··· The data
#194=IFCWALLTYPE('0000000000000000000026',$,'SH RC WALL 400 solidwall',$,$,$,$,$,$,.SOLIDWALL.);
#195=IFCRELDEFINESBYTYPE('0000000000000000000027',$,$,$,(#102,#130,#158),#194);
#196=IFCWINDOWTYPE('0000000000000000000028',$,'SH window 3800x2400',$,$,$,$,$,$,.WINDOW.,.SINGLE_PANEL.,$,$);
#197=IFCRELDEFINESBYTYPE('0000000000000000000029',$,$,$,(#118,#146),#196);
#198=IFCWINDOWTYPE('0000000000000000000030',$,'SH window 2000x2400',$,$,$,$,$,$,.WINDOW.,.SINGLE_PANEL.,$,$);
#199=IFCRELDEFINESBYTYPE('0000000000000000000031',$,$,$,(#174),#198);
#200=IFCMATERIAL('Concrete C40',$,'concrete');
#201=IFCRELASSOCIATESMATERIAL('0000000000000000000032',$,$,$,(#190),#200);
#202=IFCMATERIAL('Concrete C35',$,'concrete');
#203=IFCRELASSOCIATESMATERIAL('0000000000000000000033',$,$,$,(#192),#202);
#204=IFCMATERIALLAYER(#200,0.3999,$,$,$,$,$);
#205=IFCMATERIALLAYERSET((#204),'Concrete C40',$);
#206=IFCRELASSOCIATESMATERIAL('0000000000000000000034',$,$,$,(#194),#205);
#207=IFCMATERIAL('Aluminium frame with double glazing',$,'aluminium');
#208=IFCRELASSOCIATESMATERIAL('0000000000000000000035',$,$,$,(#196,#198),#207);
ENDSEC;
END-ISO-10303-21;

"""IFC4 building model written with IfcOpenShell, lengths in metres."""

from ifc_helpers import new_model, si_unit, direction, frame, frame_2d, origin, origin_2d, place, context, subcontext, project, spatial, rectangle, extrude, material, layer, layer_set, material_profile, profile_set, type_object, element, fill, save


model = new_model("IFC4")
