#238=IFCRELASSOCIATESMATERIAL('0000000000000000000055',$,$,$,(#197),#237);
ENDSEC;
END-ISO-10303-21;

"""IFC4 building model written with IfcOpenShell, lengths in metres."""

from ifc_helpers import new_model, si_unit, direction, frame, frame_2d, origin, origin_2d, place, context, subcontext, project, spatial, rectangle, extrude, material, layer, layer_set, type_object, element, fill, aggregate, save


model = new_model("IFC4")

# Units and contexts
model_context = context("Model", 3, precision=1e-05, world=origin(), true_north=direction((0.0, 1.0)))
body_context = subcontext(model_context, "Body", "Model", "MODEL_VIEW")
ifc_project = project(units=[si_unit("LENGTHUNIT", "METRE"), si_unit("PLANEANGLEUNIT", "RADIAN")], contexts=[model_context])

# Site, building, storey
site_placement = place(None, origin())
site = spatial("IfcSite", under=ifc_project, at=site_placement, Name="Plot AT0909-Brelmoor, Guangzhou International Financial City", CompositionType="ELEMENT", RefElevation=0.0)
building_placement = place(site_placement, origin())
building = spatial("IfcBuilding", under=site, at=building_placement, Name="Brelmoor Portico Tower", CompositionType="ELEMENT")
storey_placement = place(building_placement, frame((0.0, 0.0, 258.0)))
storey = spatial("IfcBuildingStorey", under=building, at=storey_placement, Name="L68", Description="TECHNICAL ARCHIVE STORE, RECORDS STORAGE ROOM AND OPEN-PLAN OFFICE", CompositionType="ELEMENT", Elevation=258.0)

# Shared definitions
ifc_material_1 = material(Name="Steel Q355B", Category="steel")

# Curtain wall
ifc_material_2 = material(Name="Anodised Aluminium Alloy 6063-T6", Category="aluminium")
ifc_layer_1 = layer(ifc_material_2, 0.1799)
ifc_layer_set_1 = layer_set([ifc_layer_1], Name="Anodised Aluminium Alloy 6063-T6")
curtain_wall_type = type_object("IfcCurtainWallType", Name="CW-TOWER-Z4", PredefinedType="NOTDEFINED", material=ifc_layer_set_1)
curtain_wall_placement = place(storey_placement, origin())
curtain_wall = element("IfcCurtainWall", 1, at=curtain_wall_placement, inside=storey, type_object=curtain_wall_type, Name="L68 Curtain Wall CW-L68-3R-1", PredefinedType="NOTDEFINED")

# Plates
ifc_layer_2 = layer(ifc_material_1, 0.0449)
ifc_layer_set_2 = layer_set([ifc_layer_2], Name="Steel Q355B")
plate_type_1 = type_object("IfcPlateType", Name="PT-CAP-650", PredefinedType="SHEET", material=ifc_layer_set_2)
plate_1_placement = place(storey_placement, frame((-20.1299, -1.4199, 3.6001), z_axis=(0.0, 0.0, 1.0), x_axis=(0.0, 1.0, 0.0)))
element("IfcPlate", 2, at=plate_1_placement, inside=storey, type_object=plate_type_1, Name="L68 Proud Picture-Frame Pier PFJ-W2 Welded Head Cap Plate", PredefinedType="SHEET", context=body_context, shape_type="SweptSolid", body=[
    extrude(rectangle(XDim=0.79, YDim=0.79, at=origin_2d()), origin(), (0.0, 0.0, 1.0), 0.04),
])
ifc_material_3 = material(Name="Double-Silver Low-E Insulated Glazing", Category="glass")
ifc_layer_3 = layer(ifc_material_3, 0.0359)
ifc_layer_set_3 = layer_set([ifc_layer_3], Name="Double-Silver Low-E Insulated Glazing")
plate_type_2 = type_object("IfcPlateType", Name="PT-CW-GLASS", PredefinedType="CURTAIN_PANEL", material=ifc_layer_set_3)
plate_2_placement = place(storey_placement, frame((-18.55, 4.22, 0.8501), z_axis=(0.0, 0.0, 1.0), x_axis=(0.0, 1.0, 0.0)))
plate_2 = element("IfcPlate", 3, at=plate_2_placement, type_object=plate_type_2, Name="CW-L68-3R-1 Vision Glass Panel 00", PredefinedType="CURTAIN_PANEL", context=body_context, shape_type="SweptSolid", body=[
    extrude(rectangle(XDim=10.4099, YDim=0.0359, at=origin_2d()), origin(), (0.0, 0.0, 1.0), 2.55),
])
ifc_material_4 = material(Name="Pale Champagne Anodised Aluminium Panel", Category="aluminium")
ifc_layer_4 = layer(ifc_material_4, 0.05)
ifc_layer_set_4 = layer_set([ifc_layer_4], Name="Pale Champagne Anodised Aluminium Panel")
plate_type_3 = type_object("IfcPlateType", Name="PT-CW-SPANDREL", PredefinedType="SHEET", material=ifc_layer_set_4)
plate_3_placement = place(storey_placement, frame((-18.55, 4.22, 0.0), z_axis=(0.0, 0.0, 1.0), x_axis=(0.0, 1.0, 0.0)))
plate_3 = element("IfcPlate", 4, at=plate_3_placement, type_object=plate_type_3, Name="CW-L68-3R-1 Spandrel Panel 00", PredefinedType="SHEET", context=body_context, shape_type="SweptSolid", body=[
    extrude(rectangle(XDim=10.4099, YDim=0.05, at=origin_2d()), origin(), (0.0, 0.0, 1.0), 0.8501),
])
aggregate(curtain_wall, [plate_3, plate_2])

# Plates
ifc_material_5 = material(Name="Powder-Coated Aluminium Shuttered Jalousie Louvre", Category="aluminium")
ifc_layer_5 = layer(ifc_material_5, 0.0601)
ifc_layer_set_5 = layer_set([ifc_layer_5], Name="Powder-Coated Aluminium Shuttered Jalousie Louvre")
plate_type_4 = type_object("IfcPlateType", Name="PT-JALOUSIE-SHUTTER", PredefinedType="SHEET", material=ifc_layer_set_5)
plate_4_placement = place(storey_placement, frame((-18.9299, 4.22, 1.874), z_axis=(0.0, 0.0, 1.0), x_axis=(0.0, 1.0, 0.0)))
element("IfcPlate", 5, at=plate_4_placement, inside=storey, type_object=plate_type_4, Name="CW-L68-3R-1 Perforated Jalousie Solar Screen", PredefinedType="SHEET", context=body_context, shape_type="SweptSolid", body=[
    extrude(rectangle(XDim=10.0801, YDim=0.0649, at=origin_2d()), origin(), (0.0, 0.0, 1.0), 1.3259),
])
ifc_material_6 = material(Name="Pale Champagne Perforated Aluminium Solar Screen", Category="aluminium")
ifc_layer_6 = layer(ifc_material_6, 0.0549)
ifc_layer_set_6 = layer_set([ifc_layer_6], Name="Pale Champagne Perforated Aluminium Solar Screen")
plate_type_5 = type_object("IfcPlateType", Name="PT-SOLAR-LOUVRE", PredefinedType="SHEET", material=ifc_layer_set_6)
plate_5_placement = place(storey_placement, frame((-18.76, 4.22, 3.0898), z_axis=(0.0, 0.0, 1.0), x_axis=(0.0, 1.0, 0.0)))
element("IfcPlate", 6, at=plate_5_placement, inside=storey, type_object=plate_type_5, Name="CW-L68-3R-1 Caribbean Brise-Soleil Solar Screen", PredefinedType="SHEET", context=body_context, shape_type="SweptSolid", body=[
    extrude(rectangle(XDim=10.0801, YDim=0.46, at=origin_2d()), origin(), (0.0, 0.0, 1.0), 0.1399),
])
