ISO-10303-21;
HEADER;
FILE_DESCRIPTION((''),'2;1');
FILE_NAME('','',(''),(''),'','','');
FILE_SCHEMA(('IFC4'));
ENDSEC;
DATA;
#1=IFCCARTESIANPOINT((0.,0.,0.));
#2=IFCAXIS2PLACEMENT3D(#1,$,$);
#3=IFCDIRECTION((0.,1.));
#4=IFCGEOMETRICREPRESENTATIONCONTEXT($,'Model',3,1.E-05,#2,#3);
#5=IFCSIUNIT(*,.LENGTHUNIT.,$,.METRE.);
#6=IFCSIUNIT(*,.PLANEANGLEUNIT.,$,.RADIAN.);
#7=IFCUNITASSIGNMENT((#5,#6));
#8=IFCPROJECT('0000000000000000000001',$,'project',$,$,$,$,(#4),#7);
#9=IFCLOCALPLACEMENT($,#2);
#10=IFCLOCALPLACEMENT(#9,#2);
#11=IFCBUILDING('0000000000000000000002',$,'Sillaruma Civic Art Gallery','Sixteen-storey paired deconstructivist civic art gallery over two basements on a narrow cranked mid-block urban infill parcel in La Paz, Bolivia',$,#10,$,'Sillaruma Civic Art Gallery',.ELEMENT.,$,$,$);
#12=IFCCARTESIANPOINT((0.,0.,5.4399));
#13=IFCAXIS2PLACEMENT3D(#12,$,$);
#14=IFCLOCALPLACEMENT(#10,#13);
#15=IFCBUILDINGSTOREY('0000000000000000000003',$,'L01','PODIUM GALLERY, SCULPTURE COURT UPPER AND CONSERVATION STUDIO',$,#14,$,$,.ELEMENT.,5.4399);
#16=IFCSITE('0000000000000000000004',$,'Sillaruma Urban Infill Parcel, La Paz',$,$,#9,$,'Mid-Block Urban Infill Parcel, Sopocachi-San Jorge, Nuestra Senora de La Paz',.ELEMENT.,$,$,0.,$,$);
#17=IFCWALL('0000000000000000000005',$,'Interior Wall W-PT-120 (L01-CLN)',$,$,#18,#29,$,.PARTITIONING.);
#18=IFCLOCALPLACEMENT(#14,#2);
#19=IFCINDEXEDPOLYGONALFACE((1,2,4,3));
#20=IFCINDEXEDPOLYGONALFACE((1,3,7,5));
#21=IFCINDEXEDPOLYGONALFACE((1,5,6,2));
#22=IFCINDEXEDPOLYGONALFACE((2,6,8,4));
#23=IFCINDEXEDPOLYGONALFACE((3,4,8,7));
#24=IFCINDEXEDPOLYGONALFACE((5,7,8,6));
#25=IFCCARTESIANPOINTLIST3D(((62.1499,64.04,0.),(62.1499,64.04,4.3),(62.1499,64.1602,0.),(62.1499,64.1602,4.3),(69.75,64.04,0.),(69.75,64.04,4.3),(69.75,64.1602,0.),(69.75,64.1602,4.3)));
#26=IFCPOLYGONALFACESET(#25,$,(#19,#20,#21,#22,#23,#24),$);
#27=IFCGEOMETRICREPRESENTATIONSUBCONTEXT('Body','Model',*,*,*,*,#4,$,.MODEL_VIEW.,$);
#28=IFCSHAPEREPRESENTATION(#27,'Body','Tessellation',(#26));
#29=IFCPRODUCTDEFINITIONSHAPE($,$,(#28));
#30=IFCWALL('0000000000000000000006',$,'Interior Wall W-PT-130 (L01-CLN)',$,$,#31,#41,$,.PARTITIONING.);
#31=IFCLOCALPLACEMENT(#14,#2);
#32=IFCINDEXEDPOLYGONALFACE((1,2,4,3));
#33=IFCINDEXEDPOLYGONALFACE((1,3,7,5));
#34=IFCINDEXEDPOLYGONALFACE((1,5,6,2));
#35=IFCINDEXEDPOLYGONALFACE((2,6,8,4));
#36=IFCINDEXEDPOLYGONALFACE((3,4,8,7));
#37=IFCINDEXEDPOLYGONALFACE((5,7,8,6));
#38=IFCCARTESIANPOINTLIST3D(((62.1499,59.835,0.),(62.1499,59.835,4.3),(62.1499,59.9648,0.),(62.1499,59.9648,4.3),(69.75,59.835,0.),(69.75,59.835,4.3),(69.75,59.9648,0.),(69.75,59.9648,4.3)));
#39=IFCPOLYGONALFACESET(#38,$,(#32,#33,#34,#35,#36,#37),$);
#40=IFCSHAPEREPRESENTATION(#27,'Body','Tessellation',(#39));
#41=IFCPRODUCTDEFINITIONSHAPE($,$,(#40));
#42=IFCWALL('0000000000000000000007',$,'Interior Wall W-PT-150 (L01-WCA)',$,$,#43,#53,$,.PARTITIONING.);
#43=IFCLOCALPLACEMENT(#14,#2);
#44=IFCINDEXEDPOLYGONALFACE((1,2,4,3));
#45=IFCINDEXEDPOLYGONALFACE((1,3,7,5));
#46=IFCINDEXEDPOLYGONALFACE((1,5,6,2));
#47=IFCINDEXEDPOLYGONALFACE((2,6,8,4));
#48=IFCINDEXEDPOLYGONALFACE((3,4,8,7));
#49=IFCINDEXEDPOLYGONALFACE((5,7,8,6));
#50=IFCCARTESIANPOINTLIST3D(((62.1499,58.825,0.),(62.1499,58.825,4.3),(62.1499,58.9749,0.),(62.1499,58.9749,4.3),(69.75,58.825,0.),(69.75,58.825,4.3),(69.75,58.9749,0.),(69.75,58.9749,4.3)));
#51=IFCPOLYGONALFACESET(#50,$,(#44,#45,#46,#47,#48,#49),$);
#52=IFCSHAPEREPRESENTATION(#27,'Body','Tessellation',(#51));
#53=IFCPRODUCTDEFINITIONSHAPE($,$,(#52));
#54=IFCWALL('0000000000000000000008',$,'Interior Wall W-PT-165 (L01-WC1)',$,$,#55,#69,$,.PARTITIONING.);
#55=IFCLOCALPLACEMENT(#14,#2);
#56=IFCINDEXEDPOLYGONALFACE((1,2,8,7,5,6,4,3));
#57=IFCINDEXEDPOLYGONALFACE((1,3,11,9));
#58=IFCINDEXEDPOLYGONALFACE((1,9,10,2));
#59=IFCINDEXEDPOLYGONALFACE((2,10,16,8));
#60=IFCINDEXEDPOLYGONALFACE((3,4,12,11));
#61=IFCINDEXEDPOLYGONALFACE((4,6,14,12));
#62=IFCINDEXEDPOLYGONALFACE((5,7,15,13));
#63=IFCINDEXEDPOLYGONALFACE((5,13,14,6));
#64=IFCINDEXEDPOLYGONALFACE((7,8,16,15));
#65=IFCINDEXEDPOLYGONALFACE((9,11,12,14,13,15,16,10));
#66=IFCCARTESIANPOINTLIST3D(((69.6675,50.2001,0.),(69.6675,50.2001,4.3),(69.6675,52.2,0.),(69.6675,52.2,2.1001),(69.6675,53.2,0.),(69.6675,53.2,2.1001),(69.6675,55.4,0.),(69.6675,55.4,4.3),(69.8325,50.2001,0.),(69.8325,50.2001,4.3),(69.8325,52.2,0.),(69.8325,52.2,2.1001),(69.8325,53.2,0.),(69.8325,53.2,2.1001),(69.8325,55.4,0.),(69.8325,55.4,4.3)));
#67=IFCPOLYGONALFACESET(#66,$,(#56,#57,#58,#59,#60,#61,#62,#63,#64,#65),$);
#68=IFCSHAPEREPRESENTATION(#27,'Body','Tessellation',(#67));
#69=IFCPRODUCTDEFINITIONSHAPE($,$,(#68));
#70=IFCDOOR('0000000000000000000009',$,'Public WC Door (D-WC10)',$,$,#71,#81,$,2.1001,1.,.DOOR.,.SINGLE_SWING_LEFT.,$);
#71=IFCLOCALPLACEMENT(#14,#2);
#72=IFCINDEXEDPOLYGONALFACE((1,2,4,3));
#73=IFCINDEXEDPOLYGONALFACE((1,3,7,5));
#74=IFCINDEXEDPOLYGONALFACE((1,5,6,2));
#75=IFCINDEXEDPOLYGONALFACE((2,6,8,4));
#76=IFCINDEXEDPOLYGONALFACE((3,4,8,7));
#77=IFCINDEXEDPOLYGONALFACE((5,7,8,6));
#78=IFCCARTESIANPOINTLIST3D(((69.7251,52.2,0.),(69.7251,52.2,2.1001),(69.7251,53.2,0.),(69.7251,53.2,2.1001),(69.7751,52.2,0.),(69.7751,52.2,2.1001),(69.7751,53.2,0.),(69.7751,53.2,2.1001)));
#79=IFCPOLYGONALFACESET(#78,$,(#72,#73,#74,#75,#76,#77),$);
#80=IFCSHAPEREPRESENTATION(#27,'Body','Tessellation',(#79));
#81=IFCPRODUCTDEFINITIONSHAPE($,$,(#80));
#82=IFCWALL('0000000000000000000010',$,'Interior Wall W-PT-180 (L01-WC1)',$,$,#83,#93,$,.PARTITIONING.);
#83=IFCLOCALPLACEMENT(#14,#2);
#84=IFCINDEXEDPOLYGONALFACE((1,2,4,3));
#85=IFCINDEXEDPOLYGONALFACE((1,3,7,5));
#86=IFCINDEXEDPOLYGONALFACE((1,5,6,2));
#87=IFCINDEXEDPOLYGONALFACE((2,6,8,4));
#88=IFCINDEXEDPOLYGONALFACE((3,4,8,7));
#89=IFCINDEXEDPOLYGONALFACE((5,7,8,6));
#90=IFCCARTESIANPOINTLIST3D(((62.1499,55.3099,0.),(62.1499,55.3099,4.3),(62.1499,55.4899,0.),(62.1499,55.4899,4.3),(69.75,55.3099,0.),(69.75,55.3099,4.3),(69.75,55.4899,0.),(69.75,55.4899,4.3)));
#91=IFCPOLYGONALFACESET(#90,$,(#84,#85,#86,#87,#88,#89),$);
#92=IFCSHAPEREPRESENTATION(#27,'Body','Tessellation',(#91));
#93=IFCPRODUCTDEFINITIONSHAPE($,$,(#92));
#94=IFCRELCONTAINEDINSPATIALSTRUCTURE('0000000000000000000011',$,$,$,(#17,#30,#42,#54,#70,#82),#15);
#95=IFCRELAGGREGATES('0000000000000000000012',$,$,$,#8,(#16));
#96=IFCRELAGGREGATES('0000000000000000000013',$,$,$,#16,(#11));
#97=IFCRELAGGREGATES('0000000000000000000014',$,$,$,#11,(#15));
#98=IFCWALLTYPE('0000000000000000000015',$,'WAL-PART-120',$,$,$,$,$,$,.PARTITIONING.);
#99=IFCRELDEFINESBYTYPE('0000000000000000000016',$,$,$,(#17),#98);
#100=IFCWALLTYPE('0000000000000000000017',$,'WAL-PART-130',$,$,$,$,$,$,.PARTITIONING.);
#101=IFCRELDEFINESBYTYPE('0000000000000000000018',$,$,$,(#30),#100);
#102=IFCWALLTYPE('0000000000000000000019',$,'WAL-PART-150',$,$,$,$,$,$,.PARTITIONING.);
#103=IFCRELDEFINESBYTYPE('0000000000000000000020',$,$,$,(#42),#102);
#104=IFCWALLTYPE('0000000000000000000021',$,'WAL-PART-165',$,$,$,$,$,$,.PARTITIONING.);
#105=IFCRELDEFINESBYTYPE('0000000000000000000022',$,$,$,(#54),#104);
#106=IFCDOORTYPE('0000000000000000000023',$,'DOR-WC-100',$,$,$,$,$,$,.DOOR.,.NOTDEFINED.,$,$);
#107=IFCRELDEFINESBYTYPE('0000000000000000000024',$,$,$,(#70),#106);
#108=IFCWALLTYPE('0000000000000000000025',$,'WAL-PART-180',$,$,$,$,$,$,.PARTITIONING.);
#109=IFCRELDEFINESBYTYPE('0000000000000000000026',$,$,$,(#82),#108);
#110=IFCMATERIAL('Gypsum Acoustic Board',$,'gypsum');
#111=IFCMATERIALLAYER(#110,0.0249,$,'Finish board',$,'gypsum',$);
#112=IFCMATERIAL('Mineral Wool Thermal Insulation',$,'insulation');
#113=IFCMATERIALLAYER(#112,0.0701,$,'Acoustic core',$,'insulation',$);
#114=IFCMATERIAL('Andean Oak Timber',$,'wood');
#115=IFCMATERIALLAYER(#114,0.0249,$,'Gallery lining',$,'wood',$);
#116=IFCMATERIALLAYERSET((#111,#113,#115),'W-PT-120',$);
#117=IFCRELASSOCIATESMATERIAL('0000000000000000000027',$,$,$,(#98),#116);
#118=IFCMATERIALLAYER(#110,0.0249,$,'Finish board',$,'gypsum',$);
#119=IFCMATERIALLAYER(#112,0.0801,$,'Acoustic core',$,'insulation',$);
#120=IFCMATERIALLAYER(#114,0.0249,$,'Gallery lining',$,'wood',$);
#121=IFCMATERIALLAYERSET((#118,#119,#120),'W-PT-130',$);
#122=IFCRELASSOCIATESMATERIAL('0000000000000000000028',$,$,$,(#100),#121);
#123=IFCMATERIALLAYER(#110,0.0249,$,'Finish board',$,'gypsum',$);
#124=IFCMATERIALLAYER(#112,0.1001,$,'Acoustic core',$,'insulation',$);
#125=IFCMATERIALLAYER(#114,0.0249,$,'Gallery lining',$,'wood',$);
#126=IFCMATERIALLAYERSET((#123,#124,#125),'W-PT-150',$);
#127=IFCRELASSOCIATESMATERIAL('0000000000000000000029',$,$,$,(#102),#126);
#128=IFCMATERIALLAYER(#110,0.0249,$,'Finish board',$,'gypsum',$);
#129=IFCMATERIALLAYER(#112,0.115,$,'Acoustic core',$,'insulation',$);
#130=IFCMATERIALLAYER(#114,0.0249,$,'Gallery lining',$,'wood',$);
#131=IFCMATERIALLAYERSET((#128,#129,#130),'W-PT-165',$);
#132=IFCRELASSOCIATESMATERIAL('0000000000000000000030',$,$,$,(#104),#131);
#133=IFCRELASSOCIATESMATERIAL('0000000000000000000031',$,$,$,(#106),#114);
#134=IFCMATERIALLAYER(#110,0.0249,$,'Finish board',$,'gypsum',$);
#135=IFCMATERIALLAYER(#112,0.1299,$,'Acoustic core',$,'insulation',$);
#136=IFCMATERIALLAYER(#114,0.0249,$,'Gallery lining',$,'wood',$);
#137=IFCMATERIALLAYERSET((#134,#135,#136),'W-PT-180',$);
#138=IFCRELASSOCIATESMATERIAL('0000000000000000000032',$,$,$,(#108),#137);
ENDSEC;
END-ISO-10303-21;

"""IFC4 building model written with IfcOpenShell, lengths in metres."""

from ifc_helpers import new_model, si_unit, direction, frame, frame_2d, origin, place, context, subcontext, project, spatial, rectangle, extrude, material, layer, layer_set, type_object, element, fill, save


model = new_model("IFC4")

# Units and contexts
model_context = context("Model", 3, precision=1e-05, world=origin(), true_north=direction((0.0, 1.0)))
body_context = subcontext(model_context, "Body", "Model", "MODEL_VIEW")
ifc_project = project(units=[si_unit("LENGTHUNIT", "METRE"), si_unit("PLANEANGLEUNIT", "RADIAN")], contexts=[model_context])

# Site, building, storey
site_placement = place(None, origin())
site = spatial("IfcSite", under=ifc_project, at=site_placement, Name="Sillaruma Urban Infill Parcel, La Paz", LongName="Mid-Block Urban Infill Parcel, Sopocachi-San Jorge, Nuestra Senora de La Paz", CompositionType="ELEMENT", RefElevation=0.0)
building_placement = place(site_placement, origin())
building = spatial("IfcBuilding", under=site, at=building_placement, Name="Sillaruma Civic Art Gallery", Description="Sixteen-storey paired deconstructivist civic art gallery over two basements on a narrow cranked mid-block urban infill parcel in La Paz, Bolivia", LongName="Sillaruma Civic Art Gallery", CompositionType="ELEMENT")
storey_placement = place(building_placement, frame((0.0, 0.0, 5.4399)))
storey = spatial("IfcBuildingStorey", under=building, at=storey_placement, Name="L01", Description="PODIUM GALLERY, SCULPTURE COURT UPPER AND CONSERVATION STUDIO", CompositionType="ELEMENT", Elevation=5.4399)

# Shared definitions
ifc_material_1 = material(Name="Gypsum Acoustic Board", Category="gypsum")
ifc_material_2 = material(Name="Mineral Wool Thermal Insulation", Category="insulation")
ifc_material_3 = material(Name="Andean Oak Timber", Category="wood")

# Walls
ifc_layer_1 = layer(ifc_material_1, 0.0249, Name="Finish board", Category="gypsum")
ifc_layer_2 = layer(ifc_material_2, 0.0701, Name="Acoustic core", Category="insulation")
ifc_layer_3 = layer(ifc_material_3, 0.0249, Name="Gallery lining", Category="wood")
ifc_layer_set_1 = layer_set([ifc_layer_1, ifc_layer_2, ifc_layer_3], Name="W-PT-120")
wall_type_1 = type_object("IfcWallType", Name="WAL-PART-120", PredefinedType="PARTITIONING", material=ifc_layer_set_1)
wall_1_placement = place(storey_placement, frame((62.1499, 64.1001, 0.0), z_axis=(0.0, 0.0, 1.0), x_axis=(1.0, 0.0, 0.0)))
element("IfcWall", 1, at=wall_1_placement, inside=storey, type_object=wall_type_1, Name="Interior Wall W-PT-120 (L01-CLN)", PredefinedType="PARTITIONING", context=body_context, shape_type="SweptSolid", body=[
    extrude(rectangle(XDim=7.6001, YDim=0.1201, at=frame_2d((3.8, 0.0))), origin(), (0.0, 0.0, 1.0), 4.3),
])
ifc_layer_4 = layer(ifc_material_1, 0.0249, Name="Finish board", Category="gypsum")
ifc_layer_5 = layer(ifc_material_2, 0.0801, Name="Acoustic core", Category="insulation")
ifc_layer_6 = layer(ifc_material_3, 0.0249, Name="Gallery lining", Category="wood")
ifc_layer_set_2 = layer_set([ifc_layer_4, ifc_layer_5, ifc_layer_6], Name="W-PT-130")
······
What is expected
Every line in the data above that contains the word "DOOR" should be copied.

Exercise result
#70=IFCDOOR('0000000000000000000009',$,'Public WC Door (D-WC10)',$,$,#71,#81,$,2.1001,1.,.DOOR.,.SINGLE_SWING_LEFT.,$);
#106=IFCDOORTYPE('0000000000000000000023',$,'DOR-WC-100',$,$,$,$,$,$,.DOOR.,.NOTDEFINED.,$,$);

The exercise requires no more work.